Data —
>>>>>

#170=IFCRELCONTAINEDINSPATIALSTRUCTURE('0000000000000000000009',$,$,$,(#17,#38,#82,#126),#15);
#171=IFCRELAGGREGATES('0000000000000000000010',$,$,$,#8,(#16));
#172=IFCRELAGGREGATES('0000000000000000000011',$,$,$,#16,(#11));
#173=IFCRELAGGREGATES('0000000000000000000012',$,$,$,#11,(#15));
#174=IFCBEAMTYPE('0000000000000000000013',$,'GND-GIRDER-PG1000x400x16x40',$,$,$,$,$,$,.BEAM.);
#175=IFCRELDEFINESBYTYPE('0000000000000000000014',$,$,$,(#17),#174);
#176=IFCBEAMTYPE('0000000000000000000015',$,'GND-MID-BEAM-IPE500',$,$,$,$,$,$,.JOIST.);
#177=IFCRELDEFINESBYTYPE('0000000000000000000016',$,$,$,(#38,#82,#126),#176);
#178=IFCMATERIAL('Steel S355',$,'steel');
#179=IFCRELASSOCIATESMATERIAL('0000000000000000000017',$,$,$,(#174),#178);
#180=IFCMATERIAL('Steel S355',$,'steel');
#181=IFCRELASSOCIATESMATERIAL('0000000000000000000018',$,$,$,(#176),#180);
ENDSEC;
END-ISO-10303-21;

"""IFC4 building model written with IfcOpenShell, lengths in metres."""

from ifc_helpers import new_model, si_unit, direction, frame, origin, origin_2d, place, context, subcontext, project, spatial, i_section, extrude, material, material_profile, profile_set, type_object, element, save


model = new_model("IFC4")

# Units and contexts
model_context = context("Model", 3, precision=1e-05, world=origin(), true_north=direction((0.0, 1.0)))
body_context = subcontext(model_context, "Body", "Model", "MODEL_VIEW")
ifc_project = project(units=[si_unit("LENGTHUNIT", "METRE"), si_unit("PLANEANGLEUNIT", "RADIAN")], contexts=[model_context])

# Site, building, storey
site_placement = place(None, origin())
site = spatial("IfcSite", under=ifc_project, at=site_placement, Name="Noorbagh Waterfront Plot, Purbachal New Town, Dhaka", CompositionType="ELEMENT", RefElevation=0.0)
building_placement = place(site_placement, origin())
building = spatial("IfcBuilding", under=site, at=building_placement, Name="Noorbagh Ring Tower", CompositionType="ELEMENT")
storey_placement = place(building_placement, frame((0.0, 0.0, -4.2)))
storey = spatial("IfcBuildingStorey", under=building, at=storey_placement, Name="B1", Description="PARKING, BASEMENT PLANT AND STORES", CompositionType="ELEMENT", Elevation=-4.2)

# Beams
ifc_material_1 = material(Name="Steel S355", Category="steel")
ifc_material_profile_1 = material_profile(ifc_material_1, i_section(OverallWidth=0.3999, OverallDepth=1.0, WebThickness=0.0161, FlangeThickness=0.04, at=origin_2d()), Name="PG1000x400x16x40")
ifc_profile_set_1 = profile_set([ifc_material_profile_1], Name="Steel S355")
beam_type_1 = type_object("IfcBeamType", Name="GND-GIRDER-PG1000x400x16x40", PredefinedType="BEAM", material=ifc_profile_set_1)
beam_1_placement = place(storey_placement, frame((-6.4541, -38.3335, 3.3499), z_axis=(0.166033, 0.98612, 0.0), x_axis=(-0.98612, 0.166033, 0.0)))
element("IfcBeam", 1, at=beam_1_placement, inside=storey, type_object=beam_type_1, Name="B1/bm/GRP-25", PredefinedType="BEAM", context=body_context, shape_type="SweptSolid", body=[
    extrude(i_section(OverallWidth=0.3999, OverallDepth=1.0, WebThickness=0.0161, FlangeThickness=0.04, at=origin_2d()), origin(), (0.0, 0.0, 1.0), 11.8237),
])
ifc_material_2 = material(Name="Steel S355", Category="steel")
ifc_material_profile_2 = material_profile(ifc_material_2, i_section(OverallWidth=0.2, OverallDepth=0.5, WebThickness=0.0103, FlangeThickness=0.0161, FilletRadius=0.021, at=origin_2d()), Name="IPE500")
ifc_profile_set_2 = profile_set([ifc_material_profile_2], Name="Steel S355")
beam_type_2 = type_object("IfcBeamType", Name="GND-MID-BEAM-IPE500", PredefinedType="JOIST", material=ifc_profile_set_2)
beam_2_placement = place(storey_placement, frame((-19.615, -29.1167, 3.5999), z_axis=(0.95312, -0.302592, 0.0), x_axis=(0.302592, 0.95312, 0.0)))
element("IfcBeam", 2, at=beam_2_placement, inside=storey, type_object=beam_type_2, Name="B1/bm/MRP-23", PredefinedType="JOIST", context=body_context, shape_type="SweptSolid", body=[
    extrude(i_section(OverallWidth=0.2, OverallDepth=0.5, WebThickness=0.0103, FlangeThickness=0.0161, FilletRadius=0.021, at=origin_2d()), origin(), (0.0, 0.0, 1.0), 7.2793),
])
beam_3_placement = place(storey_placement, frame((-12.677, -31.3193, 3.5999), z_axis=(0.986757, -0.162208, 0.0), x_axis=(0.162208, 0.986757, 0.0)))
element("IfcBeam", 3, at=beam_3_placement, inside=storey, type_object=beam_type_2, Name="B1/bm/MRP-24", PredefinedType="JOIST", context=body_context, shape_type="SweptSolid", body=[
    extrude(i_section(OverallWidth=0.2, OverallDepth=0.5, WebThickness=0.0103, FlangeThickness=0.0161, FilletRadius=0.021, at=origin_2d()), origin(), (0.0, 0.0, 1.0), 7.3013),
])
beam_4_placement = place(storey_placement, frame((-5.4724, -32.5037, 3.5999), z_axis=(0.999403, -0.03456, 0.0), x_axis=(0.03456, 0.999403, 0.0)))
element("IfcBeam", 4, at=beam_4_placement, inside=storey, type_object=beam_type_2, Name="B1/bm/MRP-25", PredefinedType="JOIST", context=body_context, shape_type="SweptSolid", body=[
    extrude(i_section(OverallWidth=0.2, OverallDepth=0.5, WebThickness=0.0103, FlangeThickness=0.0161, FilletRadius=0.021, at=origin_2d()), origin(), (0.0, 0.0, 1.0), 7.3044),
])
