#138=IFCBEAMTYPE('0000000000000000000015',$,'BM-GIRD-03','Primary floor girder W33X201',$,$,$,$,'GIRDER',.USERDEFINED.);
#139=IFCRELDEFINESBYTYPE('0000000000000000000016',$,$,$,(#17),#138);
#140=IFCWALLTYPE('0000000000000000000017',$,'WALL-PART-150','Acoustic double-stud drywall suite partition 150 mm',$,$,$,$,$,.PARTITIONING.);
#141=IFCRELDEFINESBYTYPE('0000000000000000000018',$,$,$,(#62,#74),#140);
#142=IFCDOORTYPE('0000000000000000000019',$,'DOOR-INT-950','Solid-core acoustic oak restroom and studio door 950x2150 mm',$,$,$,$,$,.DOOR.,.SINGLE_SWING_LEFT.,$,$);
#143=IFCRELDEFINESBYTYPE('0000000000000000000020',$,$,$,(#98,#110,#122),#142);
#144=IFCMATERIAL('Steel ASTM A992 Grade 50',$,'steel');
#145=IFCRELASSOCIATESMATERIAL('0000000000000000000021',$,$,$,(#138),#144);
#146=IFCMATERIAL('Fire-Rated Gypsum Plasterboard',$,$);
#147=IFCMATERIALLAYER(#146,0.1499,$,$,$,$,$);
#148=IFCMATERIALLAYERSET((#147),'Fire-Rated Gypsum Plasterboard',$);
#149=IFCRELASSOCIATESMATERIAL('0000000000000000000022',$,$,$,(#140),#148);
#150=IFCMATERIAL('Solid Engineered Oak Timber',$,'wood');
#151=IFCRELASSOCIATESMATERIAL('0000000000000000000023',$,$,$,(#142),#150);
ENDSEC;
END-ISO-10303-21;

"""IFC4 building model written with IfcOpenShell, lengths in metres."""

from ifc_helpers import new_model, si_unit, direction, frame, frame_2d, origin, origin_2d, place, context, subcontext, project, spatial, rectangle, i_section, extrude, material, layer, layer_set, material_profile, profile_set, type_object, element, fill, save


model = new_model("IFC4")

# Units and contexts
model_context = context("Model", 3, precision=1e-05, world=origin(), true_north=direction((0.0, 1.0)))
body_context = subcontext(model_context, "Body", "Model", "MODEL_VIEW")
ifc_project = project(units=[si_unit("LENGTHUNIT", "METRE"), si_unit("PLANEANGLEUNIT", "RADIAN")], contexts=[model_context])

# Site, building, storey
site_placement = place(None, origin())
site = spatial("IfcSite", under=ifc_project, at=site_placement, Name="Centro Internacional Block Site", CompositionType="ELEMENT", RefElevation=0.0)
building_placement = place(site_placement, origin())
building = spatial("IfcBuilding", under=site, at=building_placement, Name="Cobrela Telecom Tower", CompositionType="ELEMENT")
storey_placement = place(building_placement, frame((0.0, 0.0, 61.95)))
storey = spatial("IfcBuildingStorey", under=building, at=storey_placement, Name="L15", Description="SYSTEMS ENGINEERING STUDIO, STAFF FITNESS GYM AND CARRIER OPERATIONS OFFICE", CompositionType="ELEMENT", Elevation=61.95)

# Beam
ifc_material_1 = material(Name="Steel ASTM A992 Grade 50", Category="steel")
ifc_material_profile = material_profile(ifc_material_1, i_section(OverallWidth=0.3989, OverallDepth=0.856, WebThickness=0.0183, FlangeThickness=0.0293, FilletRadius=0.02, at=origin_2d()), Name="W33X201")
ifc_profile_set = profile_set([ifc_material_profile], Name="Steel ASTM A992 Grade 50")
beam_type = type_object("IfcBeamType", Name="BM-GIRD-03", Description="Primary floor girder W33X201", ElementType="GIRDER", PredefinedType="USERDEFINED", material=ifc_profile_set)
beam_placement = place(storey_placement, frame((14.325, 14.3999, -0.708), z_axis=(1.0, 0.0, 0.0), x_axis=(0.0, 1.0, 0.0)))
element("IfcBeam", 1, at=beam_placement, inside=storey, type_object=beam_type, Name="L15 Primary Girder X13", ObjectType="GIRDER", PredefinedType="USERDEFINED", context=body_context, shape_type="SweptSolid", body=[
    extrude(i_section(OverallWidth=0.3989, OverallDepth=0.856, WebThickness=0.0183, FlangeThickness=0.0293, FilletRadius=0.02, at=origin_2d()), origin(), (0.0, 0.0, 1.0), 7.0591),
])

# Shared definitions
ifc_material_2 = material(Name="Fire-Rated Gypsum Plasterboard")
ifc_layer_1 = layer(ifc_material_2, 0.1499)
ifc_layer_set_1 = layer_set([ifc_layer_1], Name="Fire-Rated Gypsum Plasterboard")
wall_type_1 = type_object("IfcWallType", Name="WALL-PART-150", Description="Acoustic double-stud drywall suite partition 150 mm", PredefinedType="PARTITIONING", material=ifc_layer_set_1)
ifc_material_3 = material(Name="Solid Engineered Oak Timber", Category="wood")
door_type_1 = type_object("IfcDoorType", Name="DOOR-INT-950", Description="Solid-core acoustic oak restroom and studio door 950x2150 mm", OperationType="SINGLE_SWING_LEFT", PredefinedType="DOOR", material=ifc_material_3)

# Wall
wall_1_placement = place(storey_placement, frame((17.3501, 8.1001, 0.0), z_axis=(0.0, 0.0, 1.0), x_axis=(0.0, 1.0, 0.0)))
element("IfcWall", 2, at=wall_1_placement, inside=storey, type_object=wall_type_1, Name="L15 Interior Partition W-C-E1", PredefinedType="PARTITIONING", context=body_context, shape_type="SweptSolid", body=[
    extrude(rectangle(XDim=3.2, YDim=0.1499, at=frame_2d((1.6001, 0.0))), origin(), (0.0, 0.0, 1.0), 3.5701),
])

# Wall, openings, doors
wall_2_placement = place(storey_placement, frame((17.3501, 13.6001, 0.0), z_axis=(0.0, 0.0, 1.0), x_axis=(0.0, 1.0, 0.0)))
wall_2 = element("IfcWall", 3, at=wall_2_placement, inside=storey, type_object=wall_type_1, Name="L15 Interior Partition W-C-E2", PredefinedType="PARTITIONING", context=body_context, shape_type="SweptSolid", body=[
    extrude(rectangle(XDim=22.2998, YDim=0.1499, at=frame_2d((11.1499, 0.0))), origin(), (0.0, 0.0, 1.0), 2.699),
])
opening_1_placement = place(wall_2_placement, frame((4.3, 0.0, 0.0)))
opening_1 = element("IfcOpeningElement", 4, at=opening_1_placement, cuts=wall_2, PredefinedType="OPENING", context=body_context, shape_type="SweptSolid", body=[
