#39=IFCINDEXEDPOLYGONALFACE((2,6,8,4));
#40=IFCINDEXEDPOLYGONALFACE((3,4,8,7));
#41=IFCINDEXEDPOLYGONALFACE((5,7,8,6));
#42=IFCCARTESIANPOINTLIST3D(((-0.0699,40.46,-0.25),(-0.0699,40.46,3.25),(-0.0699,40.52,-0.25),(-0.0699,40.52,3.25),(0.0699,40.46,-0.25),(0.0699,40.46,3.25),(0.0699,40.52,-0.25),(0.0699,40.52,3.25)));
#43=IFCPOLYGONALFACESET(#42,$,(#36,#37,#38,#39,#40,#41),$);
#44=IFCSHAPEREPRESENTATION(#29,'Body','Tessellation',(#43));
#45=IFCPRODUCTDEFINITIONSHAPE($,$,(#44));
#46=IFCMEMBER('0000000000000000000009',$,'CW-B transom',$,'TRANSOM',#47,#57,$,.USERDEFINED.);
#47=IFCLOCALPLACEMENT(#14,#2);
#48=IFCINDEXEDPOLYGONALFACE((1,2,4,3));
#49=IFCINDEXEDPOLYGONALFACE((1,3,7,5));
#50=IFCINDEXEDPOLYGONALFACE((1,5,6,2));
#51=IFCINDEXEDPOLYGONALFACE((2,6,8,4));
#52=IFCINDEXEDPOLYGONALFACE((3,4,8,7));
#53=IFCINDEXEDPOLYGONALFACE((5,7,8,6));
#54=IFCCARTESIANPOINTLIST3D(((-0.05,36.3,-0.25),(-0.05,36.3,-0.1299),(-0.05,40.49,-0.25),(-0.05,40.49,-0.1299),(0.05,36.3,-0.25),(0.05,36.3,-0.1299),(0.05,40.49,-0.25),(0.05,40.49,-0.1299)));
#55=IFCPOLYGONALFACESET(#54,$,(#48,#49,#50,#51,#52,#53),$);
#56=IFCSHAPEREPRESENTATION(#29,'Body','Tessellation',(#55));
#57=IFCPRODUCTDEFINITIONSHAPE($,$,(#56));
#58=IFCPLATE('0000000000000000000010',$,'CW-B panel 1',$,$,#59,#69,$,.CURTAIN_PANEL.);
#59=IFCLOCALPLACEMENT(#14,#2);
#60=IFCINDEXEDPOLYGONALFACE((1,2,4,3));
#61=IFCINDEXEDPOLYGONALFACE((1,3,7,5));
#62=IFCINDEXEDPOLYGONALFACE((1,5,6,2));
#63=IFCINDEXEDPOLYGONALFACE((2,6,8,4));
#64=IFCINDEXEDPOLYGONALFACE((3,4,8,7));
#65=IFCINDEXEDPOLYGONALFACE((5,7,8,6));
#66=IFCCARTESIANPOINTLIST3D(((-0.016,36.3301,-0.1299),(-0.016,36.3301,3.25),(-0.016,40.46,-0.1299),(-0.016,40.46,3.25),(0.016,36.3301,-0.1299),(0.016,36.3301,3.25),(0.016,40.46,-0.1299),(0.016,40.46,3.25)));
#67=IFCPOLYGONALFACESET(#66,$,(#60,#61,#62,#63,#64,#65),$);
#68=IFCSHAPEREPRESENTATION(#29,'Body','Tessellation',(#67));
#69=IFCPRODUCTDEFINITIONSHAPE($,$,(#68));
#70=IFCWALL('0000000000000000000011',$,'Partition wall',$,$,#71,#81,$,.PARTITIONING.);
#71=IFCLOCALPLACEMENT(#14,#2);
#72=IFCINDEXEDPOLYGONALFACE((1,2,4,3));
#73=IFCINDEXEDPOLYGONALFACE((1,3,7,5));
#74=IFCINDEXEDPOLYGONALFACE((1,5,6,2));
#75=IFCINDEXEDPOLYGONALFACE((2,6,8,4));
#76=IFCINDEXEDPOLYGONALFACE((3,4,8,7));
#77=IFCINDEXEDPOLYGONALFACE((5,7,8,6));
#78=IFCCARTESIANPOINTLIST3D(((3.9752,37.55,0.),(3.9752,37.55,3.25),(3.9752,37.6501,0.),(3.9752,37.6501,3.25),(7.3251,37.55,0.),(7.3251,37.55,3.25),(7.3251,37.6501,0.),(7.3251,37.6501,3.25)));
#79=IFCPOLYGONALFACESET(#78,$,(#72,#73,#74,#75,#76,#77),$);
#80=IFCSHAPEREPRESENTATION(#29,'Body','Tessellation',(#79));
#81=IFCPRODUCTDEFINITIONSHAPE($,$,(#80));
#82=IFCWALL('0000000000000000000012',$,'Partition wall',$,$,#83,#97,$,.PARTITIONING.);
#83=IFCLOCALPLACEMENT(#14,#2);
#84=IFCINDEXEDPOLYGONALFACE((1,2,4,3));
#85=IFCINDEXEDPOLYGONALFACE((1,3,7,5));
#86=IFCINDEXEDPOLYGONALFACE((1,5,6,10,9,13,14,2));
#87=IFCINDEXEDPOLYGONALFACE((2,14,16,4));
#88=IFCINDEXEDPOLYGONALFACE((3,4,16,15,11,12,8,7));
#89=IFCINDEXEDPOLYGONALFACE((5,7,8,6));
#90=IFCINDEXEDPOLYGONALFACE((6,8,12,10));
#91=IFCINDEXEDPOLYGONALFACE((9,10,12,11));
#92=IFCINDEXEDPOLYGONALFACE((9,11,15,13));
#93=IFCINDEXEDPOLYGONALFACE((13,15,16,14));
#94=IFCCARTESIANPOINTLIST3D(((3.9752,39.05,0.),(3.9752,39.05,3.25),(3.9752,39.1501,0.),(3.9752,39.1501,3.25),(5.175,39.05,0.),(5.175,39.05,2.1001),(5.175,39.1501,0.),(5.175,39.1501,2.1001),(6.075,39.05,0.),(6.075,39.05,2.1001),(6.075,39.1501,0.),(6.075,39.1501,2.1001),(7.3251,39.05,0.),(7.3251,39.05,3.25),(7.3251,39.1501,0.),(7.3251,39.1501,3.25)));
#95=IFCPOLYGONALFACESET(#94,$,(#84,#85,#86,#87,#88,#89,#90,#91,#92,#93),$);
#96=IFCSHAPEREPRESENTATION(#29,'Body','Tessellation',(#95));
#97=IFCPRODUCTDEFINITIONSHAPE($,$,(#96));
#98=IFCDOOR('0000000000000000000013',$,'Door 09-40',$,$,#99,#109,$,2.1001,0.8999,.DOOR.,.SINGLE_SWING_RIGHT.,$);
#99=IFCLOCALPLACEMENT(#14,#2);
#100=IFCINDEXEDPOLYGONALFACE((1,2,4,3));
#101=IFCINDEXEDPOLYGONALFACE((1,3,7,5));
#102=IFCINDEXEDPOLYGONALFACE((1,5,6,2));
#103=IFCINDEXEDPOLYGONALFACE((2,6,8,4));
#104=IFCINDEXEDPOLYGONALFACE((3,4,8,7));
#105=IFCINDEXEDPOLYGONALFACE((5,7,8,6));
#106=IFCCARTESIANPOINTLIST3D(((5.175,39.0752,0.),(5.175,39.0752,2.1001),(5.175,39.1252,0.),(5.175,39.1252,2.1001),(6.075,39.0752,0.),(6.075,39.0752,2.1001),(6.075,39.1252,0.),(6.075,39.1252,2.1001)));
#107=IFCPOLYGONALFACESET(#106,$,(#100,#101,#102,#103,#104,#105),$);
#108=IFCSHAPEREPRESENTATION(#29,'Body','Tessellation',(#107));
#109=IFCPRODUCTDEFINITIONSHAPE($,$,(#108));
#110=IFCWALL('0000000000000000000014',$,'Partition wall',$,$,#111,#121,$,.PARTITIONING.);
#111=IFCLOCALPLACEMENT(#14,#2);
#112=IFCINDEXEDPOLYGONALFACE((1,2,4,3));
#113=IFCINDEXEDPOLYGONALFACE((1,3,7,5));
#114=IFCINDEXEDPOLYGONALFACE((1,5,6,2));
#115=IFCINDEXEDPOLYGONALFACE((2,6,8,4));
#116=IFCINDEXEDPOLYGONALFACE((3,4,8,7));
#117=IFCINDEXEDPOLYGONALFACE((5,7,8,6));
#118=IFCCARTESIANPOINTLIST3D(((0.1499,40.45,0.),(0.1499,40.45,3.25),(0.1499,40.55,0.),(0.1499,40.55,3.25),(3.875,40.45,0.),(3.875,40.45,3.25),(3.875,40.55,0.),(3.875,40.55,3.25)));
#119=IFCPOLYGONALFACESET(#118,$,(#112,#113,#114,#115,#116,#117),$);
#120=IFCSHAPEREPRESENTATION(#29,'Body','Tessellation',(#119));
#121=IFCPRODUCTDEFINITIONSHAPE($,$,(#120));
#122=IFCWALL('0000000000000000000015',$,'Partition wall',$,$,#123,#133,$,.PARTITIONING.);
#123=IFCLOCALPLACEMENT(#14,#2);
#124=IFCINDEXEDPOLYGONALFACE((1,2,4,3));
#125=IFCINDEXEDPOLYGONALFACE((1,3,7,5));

<<<<<

Required work —
Copy verbatim, from the listing above, each line from the one containing "#84=IFCINDEXEDPOLYGONALFACE((1,2,4,3));" down to the one containing "#89=IFCINDEXEDPOLYGONALFACE((5,7,8,6));", inclusive.

Expected answer —
#84=IFCINDEXEDPOLYGONALFACE((1,2,4,3));
#85=IFCINDEXEDPOLYGONALFACE((1,3,7,5));
#86=IFCINDEXEDPOLYGONALFACE((1,5,6,10,9,13,14,2));
#87=IFCINDEXEDPOLYGONALFACE((2,14,16,4));
#88=IFCINDEXEDPOLYGONALFACE((3,4,16,15,11,12,8,7));
#89=IFCINDEXEDPOLYGONALFACE((5,7,8,6));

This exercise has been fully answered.